(Stored items)
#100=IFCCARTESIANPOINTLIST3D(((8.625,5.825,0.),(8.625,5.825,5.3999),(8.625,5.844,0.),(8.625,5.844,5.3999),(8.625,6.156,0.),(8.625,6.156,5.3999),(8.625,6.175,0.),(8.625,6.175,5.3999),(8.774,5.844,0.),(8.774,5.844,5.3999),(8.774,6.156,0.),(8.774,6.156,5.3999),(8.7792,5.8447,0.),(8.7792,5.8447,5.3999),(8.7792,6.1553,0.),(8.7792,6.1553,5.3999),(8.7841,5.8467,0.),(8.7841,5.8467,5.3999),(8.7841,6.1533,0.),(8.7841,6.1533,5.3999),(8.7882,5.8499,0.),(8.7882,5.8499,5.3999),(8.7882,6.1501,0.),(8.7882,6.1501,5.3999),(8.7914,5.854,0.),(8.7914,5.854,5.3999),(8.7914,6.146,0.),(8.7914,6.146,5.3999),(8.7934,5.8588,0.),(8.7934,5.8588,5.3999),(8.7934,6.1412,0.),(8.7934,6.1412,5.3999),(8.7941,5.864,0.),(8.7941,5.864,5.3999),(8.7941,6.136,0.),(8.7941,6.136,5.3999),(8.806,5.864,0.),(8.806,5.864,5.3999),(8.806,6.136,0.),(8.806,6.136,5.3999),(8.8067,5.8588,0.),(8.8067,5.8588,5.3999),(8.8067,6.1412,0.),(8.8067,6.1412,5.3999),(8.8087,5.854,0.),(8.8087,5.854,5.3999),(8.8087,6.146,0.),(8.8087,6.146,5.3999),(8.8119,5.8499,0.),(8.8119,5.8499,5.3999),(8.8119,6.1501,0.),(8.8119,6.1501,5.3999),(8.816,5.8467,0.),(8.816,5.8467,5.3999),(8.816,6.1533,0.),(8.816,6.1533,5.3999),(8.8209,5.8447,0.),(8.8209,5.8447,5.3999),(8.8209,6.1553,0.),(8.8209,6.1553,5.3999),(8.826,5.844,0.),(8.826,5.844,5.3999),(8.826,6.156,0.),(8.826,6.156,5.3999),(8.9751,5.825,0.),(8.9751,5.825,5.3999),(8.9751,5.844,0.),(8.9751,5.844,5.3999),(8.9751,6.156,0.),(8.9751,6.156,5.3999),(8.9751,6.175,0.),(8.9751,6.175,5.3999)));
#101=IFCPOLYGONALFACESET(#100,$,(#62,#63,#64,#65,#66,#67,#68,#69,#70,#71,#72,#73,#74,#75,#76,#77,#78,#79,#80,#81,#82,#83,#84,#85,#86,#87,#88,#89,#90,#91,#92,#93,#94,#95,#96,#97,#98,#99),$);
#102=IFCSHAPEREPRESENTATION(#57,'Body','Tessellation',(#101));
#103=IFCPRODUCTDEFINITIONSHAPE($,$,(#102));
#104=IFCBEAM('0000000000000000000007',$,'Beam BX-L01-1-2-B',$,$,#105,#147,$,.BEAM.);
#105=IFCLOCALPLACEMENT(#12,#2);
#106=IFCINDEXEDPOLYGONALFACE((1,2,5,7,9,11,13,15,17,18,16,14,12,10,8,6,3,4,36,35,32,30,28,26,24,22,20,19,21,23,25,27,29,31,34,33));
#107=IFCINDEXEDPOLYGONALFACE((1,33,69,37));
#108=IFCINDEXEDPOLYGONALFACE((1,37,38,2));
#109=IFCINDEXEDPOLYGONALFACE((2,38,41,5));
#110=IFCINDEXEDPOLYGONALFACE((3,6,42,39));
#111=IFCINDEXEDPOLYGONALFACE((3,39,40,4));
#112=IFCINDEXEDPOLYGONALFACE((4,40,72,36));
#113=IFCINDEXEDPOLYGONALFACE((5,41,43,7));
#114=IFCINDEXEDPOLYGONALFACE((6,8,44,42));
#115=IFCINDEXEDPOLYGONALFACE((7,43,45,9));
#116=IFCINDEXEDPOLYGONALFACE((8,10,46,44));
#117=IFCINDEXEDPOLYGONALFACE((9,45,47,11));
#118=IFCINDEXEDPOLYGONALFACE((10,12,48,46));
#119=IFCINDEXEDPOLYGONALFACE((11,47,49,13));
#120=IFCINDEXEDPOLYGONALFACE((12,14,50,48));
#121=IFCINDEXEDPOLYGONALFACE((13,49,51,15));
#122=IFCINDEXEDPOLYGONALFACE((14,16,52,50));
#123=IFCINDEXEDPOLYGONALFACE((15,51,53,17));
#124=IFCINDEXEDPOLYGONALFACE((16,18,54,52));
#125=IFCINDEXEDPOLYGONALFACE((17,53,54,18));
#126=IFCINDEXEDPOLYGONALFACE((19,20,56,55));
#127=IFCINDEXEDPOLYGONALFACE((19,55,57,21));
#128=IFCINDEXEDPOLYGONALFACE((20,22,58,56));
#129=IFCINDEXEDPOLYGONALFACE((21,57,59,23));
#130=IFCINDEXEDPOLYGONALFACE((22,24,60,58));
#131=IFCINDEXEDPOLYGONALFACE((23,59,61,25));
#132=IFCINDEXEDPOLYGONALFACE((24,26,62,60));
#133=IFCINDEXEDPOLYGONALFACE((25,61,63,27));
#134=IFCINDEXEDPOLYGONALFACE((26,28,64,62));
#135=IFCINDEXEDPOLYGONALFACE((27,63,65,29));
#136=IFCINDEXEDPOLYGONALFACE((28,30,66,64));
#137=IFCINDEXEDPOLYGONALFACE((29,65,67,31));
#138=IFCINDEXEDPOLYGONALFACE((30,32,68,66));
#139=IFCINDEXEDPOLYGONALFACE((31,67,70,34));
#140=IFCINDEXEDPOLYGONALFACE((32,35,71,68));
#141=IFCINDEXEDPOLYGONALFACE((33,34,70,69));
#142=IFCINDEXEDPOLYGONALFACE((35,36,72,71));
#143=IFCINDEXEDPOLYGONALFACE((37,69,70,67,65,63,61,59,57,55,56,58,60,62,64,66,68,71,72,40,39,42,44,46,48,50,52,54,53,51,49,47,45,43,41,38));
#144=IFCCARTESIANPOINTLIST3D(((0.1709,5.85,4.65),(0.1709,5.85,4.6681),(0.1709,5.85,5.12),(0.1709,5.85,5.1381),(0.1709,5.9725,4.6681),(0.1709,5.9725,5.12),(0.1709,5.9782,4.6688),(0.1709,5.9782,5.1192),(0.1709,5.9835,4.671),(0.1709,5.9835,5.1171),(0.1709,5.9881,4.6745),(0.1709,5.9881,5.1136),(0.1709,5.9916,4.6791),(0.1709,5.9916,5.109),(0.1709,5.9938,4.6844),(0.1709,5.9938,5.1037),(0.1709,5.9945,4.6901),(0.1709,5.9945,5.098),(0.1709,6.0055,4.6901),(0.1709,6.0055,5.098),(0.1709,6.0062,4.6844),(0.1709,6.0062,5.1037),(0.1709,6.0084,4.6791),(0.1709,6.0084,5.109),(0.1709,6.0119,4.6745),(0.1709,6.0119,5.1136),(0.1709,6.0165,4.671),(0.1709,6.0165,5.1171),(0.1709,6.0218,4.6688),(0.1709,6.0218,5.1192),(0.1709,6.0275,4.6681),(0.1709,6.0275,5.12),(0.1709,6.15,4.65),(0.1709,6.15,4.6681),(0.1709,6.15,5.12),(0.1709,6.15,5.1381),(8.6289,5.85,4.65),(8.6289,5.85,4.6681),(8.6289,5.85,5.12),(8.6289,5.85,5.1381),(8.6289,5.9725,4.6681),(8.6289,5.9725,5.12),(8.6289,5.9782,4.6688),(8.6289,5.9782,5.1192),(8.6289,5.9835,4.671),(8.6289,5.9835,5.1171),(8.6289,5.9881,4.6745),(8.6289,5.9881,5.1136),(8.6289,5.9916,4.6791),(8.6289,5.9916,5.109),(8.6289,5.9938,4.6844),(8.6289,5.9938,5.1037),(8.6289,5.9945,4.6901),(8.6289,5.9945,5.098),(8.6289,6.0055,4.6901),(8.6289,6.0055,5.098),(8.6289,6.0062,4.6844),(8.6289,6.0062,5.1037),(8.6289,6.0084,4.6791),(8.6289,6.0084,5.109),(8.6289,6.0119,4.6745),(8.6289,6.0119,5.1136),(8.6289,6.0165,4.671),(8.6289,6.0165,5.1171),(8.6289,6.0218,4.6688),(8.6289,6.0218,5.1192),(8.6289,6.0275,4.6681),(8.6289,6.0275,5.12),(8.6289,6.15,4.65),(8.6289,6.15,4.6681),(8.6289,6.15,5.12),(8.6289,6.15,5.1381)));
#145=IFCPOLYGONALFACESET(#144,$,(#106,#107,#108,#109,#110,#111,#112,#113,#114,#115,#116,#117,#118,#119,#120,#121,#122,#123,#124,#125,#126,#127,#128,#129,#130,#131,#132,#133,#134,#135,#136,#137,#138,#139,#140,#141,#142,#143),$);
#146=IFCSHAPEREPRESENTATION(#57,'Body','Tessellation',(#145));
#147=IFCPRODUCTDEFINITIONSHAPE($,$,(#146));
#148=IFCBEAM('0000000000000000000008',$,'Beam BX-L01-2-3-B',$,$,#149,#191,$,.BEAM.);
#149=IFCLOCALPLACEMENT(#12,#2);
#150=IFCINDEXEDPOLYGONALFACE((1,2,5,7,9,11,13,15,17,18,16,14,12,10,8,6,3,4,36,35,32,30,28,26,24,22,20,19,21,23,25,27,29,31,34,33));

(TASK DETAILS)
Read through the entries above and copy each line that has the string "IFCLOCALPLACEMENT" in it.

(PROBLEM SOLUTION)
#105=IFCLOCALPLACEMENT(#12,#2);
#149=IFCLOCALPLACEMENT(#12,#2);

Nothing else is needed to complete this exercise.